Work required: Somewhere below is a line with "#54=IFCINDEXEDPOLYGONALFACE((15,16,20,19));" and, later, a line with "#66=IFCINDEXEDPOLYGONALFACE((39,40,42,41));"; repeat those two lines and all the lines between them, exactly as they are.

══ Data to process

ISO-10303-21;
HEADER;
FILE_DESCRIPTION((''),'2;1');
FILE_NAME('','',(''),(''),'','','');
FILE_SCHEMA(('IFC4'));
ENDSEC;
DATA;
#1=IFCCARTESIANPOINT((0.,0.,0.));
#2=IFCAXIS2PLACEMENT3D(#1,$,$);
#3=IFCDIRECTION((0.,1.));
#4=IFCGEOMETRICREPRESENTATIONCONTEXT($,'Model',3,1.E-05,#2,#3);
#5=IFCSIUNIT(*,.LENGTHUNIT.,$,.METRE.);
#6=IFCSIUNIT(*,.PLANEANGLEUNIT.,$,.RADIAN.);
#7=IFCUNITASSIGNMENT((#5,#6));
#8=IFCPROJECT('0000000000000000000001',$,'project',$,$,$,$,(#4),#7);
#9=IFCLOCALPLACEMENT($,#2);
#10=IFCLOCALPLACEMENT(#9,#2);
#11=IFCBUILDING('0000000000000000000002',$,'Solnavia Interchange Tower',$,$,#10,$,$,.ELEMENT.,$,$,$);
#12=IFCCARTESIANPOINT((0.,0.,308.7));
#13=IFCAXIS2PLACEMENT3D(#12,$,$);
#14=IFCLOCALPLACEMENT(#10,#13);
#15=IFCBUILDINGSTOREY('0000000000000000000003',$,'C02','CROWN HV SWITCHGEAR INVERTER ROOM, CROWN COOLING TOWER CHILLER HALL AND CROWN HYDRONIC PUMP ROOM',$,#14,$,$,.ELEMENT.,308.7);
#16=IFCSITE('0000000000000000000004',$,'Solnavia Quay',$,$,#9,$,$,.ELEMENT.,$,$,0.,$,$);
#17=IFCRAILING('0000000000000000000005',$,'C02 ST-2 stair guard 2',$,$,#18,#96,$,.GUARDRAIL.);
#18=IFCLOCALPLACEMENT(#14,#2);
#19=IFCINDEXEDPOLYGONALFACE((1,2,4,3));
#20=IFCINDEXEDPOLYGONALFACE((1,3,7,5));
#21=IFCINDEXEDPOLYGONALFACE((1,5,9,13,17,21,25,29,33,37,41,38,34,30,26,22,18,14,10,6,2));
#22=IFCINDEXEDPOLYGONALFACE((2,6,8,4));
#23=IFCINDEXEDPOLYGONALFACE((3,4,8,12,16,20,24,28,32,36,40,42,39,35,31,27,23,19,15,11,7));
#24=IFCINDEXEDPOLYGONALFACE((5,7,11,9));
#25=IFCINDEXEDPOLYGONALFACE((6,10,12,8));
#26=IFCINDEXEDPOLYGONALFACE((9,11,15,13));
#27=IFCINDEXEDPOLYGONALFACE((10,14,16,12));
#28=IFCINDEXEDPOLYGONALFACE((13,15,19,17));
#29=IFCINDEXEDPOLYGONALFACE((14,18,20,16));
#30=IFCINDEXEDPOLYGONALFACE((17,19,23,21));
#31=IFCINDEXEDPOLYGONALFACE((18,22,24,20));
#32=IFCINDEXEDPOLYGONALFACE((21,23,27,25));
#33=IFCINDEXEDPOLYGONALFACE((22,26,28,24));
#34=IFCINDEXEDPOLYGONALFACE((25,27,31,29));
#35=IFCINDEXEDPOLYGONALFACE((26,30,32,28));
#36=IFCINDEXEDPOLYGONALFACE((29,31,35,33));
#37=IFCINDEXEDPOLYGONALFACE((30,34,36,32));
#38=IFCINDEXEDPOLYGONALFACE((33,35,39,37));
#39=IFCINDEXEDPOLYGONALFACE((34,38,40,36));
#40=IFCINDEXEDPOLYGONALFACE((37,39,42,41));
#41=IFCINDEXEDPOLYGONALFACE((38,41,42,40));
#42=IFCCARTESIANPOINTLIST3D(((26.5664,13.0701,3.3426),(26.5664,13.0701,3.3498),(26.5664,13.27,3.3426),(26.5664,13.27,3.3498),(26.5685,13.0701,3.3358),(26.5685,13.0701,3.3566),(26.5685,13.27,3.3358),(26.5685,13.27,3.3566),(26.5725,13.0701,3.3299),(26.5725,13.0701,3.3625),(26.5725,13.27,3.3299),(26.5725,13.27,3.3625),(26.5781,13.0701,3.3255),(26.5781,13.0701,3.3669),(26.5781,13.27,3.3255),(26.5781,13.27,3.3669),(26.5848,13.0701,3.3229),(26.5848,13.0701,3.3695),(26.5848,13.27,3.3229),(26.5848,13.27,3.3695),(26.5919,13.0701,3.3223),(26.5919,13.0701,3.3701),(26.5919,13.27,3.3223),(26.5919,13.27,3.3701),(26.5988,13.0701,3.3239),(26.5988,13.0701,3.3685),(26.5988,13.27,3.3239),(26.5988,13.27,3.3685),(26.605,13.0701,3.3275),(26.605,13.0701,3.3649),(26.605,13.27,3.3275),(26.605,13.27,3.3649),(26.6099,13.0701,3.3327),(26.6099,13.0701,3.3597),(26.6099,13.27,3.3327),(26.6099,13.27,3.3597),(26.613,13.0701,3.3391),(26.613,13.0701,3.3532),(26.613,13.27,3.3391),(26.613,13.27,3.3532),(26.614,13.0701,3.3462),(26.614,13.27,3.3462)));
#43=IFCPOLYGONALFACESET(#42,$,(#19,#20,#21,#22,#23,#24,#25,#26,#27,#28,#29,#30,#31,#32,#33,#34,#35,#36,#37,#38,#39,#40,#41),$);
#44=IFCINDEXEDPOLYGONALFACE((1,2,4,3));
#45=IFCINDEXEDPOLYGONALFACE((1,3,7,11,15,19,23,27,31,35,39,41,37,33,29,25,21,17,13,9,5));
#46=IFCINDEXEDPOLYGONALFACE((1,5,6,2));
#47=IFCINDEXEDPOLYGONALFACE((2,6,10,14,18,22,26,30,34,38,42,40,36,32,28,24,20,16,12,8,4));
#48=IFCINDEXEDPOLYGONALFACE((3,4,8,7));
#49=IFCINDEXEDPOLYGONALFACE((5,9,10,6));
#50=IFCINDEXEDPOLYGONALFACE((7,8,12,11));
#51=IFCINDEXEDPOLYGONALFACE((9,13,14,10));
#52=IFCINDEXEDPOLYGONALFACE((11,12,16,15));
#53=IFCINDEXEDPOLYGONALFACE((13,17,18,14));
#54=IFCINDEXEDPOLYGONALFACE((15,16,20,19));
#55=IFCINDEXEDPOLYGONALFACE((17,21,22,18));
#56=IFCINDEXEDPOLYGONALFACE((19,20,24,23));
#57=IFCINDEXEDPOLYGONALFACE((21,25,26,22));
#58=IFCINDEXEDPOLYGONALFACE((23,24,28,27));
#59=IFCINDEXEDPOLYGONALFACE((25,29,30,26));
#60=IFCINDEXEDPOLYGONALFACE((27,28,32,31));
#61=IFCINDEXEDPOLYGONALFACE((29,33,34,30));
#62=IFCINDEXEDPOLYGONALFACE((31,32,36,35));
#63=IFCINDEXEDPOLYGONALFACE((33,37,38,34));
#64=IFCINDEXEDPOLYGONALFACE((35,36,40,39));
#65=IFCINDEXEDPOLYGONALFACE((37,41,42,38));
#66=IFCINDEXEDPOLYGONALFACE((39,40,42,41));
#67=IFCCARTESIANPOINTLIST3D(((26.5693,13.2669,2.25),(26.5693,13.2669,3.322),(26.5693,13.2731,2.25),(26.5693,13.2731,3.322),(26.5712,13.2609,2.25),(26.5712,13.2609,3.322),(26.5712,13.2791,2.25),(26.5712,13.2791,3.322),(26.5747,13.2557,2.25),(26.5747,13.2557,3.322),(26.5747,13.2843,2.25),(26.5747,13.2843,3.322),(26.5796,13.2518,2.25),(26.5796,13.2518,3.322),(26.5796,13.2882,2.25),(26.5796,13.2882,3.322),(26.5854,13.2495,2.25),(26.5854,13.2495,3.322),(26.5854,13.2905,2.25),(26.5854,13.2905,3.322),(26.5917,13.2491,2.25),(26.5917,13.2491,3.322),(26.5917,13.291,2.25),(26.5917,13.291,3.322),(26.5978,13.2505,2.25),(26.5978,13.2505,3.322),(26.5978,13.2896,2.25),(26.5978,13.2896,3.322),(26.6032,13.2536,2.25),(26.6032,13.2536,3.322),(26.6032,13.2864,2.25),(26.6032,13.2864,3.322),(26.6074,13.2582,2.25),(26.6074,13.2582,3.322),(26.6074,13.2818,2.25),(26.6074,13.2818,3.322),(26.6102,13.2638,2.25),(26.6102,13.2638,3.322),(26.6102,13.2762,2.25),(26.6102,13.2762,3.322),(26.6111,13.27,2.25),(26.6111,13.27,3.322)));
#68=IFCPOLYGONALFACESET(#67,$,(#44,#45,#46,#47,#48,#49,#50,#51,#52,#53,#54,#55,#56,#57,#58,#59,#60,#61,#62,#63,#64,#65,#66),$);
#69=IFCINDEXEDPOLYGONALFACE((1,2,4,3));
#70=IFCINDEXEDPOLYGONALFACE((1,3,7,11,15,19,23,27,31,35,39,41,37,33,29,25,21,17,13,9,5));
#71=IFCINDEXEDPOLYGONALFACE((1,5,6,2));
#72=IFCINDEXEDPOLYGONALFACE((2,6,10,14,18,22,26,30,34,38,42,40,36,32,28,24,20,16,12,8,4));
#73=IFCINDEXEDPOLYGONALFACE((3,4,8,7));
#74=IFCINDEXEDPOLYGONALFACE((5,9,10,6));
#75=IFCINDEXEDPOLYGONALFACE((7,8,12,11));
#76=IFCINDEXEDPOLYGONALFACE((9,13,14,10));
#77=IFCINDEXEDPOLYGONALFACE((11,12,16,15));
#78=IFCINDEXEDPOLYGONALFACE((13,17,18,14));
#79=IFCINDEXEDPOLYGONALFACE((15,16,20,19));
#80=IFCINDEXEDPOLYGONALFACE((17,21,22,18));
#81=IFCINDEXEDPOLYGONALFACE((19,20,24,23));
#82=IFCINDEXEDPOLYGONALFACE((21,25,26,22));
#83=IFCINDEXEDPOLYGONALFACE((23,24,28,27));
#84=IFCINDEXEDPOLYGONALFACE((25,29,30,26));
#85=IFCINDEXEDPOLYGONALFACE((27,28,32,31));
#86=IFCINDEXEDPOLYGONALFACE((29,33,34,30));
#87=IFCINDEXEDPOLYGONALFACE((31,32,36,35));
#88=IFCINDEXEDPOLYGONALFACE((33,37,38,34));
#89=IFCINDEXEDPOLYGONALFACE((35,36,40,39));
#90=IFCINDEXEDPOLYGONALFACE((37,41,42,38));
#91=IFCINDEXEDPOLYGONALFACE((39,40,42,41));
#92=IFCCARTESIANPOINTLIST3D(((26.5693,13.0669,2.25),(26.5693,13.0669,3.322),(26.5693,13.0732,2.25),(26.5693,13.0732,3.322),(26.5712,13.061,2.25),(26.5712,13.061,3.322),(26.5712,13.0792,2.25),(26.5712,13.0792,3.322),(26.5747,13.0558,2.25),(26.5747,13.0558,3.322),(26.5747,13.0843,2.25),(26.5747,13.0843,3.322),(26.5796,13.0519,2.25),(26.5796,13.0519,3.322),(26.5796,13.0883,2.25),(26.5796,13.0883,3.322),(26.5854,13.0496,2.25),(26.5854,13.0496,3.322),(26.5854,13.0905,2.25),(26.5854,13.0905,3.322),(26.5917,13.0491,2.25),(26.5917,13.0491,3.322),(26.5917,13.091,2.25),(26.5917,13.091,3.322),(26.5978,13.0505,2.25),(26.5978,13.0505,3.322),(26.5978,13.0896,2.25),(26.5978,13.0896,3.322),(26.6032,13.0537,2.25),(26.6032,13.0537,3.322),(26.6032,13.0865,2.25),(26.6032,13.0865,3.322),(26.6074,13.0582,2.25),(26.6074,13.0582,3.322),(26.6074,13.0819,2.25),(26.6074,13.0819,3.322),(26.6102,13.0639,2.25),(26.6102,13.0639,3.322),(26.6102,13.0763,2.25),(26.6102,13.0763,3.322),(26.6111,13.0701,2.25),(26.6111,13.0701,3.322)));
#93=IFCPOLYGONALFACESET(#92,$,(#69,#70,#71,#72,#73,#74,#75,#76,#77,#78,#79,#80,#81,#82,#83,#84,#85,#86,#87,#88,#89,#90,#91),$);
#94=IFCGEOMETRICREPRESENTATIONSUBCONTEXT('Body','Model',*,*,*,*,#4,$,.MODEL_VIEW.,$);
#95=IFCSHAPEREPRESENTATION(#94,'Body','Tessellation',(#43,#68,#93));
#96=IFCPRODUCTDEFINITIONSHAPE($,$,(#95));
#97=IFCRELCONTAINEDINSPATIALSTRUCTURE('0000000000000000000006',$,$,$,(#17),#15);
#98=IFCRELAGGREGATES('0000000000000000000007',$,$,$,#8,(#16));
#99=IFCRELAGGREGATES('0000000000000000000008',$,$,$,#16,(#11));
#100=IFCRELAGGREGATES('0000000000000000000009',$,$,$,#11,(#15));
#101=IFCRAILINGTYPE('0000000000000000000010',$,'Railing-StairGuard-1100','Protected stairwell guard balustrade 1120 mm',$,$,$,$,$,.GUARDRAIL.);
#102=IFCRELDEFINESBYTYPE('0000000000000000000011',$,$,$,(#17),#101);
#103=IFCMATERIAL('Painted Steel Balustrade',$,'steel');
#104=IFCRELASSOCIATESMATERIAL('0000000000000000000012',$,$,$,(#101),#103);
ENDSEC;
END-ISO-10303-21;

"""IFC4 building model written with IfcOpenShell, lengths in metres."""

from ifc_helpers import new_model, si_unit, direction, frame, origin, origin_2d, place, context, subcontext, project, spatial, circle, extrude, material, type_object, element, save


model = new_model("IFC4")

# Units and contexts
model_context = context("Model", 3, precision=1e-05, world=origin(), true_north=direction((0.0, 1.0)))
body_context = subcontext(model_context, "Body", "Model", "MODEL_VIEW")
ifc_project = project(units=[si_unit("LENGTHUNIT", "METRE"), si_unit("PLANEANGLEUNIT", "RADIAN")], contexts=[model_context])

# Site, building, storey
site_placement = place(None, origin())
site = spatial("IfcSite", under=ifc_project, at=site_placement, Name="Solnavia Quay", CompositionType="ELEMENT", RefElevation=0.0)
building_placement = place(site_placement, origin())
building = spatial("IfcBuilding", under=site, at=building_placement, Name="Solnavia Interchange Tower", CompositionType="ELEMENT")
storey_placement = place(building_placement, frame((0.0, 0.0, 308.7)))
storey = spatial("IfcBuildingStorey", under=building, at=storey_placement, Name="C02", Description="CROWN HV SWITCHGEAR INVERTER ROOM, CROWN COOLING TOWER CHILLER HALL AND CROWN HYDRONIC PUMP ROOM", CompositionType="ELEMENT", Elevation=308.7)

# Railing
ifc_material_1 = material(Name="Painted Steel Balustrade", Category="steel")
railing_type_1 = type_object("IfcRailingType", Name="Railing-StairGuard-1100", Description="Protected stairwell guard balustrade 1120 mm", PredefinedType="GUARDRAIL", material=ifc_material_1)
railing_1_placement = place(storey_placement, frame((26.5901, 13.27, 2.25)))
element("IfcRailing", 1, at=railing_1_placement, inside=storey, type_object=railing_type_1, Name="C02 ST-2 stair guard 2", PredefinedType="GUARDRAIL", context=body_context, shape_type="SweptSolid", body=[
    extrude(circle(Radius=0.0239, at=origin_2d()), frame((0.0, 0.0, 1.0962), z_axis=(0.0, -1.0, 0.0), x_axis=(1.0, 0.0, 0.0)), (0.0, 0.0, 1.0), 0.2),
    extrude(circle(Radius=0.021, at=origin_2d()), origin(), (0.0, 0.0, 1.0), 1.072),
    extrude(circle(Radius=0.021, at=origin_2d()), frame((0.0, -0.2, 0.0)), (0.0, 0.0, 1.0), 1.072),
])

save(model, "model.ifc")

════

Your response:
#54=IFCINDEXEDPOLYGONALFACE((15,16,20,19));
#55=IFCINDEXEDPOLYGONALFACE((17,21,22,18));
#56=IFCINDEXEDPOLYGONALFACE((19,20,24,23));
#57=IFCINDEXEDPOLYGONALFACE((21,25,26,22));
#58=IFCINDEXEDPOLYGONALFACE((23,24,28,27));
#59=IFCINDEXEDPOLYGONALFACE((25,29,30,26));
#60=IFCINDEXEDPOLYGONALFACE((27,28,32,31));
#61=IFCINDEXEDPOLYGONALFACE((29,33,34,30));
#62=IFCINDEXEDPOLYGONALFACE((31,32,36,35));
#63=IFCINDEXEDPOLYGONALFACE((33,37,38,34));
#64=IFCINDEXEDPOLYGONALFACE((35,36,40,39));
#65=IFCINDEXEDPOLYGONALFACE((37,41,42,38));
#66=IFCINDEXEDPOLYGONALFACE((39,40,42,41));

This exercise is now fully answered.